### WHAT THIS TASK INVOLVES
From the data below, repeat exactly the lines from the line with "balustrade 1120 mm',$,$,$,$,$,.GUARDRAIL.);" to the line with "END-ISO-10303-21;", both included.

(Source records)

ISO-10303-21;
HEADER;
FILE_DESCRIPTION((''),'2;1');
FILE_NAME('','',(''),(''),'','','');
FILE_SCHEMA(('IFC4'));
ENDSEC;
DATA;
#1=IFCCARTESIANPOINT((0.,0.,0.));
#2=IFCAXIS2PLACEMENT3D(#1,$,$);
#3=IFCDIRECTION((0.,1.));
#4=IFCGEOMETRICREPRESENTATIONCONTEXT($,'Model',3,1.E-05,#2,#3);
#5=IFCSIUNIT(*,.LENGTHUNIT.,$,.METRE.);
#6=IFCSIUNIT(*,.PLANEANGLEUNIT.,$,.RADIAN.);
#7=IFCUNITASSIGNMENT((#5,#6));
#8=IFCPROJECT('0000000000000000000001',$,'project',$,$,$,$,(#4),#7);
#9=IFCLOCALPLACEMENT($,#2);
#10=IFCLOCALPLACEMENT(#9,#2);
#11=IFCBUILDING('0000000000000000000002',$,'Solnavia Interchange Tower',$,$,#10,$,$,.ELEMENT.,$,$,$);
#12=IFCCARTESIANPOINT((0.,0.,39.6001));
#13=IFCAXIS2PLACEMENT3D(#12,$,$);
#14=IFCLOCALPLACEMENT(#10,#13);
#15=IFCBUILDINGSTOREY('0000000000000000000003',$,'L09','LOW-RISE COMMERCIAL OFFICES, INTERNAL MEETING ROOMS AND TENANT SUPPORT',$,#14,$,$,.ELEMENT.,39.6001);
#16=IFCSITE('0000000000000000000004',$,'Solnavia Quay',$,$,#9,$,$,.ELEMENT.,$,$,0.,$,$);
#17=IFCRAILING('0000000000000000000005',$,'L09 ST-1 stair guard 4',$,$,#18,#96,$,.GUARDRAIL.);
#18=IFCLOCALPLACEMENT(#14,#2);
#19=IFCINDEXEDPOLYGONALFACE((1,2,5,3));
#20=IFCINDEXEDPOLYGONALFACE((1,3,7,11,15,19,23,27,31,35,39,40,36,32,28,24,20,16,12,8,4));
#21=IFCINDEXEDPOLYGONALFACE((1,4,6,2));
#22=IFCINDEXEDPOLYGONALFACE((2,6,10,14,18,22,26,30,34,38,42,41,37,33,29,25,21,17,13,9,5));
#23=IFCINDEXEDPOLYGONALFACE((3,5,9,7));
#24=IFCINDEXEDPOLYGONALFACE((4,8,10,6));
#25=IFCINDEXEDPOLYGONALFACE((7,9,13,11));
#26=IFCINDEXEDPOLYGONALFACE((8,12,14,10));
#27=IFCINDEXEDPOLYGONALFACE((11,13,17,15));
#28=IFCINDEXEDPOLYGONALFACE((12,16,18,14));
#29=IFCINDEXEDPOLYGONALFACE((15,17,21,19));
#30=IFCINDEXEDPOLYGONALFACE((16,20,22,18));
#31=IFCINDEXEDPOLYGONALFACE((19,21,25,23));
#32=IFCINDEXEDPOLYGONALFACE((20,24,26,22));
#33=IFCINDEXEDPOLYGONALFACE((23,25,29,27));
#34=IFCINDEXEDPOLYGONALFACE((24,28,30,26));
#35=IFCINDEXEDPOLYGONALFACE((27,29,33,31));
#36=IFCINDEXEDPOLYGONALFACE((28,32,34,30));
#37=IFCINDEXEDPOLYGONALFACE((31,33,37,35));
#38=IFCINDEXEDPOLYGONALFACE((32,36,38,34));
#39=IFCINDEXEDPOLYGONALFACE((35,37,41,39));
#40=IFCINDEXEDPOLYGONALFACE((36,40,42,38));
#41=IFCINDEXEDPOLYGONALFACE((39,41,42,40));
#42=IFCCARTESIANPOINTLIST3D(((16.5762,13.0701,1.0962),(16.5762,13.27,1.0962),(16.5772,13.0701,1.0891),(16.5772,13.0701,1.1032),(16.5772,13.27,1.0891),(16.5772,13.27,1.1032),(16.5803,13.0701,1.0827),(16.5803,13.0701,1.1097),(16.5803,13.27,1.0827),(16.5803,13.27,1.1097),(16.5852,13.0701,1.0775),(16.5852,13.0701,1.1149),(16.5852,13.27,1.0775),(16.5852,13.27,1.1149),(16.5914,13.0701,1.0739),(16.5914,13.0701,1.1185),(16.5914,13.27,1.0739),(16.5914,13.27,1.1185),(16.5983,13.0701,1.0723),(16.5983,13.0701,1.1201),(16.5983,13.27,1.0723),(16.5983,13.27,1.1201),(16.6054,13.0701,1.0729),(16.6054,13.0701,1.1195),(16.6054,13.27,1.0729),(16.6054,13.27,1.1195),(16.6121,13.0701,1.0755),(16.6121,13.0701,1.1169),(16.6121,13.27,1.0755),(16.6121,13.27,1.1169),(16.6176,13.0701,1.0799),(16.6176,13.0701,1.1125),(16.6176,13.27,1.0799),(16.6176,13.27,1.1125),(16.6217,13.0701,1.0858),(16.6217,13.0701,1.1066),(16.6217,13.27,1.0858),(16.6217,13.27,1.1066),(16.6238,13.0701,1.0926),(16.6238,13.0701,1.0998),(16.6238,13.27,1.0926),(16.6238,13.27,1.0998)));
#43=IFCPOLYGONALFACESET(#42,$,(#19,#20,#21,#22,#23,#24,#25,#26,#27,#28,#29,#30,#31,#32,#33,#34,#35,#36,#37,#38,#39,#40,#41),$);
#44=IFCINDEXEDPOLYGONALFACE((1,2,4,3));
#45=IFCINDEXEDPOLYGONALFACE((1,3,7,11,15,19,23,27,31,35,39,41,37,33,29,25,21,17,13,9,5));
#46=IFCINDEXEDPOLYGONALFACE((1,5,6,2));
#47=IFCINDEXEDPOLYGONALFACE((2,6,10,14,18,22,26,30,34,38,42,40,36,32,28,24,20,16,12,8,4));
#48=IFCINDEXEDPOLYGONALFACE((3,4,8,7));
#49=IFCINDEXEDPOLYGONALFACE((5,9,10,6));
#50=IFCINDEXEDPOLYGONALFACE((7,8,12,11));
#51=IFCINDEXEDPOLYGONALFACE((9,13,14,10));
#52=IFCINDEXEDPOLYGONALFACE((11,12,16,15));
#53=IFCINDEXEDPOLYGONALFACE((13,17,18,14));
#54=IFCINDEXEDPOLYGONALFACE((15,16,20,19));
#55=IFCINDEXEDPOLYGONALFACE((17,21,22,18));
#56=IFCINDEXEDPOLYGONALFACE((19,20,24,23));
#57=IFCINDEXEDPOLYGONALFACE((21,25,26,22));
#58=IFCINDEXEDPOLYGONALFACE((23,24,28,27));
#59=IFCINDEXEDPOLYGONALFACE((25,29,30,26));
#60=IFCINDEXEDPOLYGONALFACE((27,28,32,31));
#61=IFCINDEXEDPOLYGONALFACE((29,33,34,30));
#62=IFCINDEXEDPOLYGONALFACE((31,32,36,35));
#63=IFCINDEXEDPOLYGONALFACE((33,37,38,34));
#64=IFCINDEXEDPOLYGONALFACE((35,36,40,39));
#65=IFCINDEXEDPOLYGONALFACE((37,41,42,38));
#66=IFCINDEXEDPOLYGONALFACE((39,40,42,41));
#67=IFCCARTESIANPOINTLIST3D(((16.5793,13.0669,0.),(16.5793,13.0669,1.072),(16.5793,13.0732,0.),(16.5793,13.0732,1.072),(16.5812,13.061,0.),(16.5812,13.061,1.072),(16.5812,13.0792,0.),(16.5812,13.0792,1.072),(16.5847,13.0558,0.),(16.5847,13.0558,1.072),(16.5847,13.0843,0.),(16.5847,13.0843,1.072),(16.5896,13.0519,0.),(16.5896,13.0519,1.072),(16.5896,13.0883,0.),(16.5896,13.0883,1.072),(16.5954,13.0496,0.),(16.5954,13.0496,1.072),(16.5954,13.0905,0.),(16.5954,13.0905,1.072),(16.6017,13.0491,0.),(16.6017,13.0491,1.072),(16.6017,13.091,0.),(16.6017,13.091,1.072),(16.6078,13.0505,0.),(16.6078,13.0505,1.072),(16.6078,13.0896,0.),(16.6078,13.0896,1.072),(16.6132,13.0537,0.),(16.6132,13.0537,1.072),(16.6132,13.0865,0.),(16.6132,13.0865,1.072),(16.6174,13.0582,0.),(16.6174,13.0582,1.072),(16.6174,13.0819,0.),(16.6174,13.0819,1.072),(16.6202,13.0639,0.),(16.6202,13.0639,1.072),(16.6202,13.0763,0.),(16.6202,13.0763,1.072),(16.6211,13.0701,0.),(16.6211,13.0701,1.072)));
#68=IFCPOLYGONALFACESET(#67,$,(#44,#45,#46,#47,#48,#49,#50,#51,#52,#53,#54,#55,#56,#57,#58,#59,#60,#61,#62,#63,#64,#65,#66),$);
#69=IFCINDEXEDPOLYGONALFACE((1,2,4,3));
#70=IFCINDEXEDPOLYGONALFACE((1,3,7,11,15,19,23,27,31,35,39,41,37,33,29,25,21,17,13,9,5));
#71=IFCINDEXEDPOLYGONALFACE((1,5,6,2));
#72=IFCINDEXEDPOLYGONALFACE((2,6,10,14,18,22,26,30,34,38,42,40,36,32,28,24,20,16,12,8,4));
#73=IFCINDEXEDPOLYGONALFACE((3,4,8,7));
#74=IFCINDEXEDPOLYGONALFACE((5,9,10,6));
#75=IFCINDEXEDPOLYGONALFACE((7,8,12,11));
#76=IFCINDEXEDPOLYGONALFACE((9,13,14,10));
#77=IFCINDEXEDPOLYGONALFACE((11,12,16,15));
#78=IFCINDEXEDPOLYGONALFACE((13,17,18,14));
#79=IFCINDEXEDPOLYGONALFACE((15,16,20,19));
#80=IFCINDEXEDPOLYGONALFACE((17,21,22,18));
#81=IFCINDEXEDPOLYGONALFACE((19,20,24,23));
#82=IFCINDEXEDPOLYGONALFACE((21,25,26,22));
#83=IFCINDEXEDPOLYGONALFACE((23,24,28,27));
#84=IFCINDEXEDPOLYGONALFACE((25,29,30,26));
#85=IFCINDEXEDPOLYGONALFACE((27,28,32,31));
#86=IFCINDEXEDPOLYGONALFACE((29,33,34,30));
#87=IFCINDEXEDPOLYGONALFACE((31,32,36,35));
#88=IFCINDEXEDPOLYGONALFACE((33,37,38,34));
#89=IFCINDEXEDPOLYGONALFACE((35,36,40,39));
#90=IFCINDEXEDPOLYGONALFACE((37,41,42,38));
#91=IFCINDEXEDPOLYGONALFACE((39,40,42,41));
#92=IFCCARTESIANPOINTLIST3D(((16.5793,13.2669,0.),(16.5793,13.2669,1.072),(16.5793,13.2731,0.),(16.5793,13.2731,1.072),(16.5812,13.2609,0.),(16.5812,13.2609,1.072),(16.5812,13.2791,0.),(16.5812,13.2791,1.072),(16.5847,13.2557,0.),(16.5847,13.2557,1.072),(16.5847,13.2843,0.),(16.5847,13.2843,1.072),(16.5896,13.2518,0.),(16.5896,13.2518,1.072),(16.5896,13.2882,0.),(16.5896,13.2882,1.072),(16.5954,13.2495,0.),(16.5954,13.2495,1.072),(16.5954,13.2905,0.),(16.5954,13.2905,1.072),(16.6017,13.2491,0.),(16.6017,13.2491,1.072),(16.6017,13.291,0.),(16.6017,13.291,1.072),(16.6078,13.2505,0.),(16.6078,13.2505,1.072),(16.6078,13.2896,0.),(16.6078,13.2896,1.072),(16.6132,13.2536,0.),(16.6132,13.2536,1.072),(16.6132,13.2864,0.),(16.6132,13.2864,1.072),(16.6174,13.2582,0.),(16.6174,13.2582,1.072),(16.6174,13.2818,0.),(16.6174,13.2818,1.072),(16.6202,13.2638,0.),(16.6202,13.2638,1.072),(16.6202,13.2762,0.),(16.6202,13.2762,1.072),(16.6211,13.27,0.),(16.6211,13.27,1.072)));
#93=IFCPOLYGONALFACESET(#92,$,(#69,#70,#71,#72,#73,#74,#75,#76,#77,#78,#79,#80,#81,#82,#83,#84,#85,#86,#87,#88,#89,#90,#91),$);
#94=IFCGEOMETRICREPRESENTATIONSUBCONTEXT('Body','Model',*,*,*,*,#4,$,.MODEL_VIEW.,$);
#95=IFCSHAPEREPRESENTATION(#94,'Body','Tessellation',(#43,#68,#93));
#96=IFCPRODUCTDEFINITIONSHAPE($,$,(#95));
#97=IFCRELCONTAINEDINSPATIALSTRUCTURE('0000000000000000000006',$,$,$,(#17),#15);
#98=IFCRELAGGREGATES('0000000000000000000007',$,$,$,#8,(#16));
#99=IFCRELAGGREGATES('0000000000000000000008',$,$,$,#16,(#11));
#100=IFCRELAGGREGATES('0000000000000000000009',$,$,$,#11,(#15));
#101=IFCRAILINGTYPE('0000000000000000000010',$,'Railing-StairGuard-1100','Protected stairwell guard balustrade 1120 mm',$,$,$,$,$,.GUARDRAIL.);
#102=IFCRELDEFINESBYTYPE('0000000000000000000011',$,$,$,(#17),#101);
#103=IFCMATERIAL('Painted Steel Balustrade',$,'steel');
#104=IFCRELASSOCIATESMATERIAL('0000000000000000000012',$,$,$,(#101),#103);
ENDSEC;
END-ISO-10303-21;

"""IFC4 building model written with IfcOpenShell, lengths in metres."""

from ifc_helpers import new_model, si_unit, direction, frame, origin, origin_2d, place, context, subcontext, project, spatial, circle, extrude, material, type_object, element, save


model = new_model("IFC4")

# Units and contexts
model_context = context("Model", 3, precision=1e-05, world=origin(), true_north=direction((0.0, 1.0)))
body_context = subcontext(model_context, "Body", "Model", "MODEL_VIEW")
ifc_project = project(units=[si_unit("LENGTHUNIT", "METRE"), si_unit("PLANEANGLEUNIT", "RADIAN")], contexts=[model_context])

# Site, building, storey
site_placement = place(None, origin())
site = spatial("IfcSite", under=ifc_project, at=site_placement, Name="Solnavia Quay", CompositionType="ELEMENT", RefElevation=0.0)
building_placement = place(site_placement, origin())
building = spatial("IfcBuilding", under=site, at=building_placement, Name="Solnavia Interchange Tower", CompositionType="ELEMENT")
storey_placement = place(building_placement, frame((0.0, 0.0, 39.6001)))
storey = spatial("IfcBuildingStorey", under=building, at=storey_placement, Name="L09", Description="LOW-RISE COMMERCIAL OFFICES, INTERNAL MEETING ROOMS AND TENANT SUPPORT", CompositionType="ELEMENT", Elevation=39.6001)

# Railing
ifc_material_1 = material(Name="Painted Steel Balustrade", Category="steel")
railing_type_1 = type_object("IfcRailingType", Name="Railing-StairGuard-1100", Description="Protected stairwell guard balustrade 1120 mm", PredefinedType="GUARDRAIL", material=ifc_material_1)
railing_1_placement = place(storey_placement, frame((16.6001, 13.0701, 0.0)))
element("IfcRailing", 1, at=railing_1_placement, inside=storey, type_object=railing_type_1, Name="L09 ST-1 stair guard 4", PredefinedType="GUARDRAIL", context=body_context, shape_type="SweptSolid", body=[
    extrude(circle(Radius=0.0239, at=origin_2d()), frame((0.0, 0.0, 1.0962), z_axis=(0.0, 1.0, 0.0), x_axis=(-1.0, 0.0, 0.0)), (0.0, 0.0, 1.0), 0.2),
    extrude(circle(Radius=0.021, at=origin_2d()), origin(), (0.0, 0.0, 1.0), 1.072),
    extrude(circle(Radius=0.021, at=origin_2d()), frame((0.0, 0.2, 0.0)), (0.0, 0.0, 1.0), 1.072),
])

save(model, "model.ifc")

### RESPONSE AREA
#101=IFCRAILINGTYPE('0000000000000000000010',$,'Railing-StairGuard-1100','Protected stairwell guard balustrade 1120 mm',$,$,$,$,$,.GUARDRAIL.);
#102=IFCRELDEFINESBYTYPE('0000000000000000000011',$,$,$,(#17),#101);
#103=IFCMATERIAL('Painted Steel Balustrade',$,'steel');
#104=IFCRELASSOCIATESMATERIAL('0000000000000000000012',$,$,$,(#101),#103);
ENDSEC;
END-ISO-10303-21;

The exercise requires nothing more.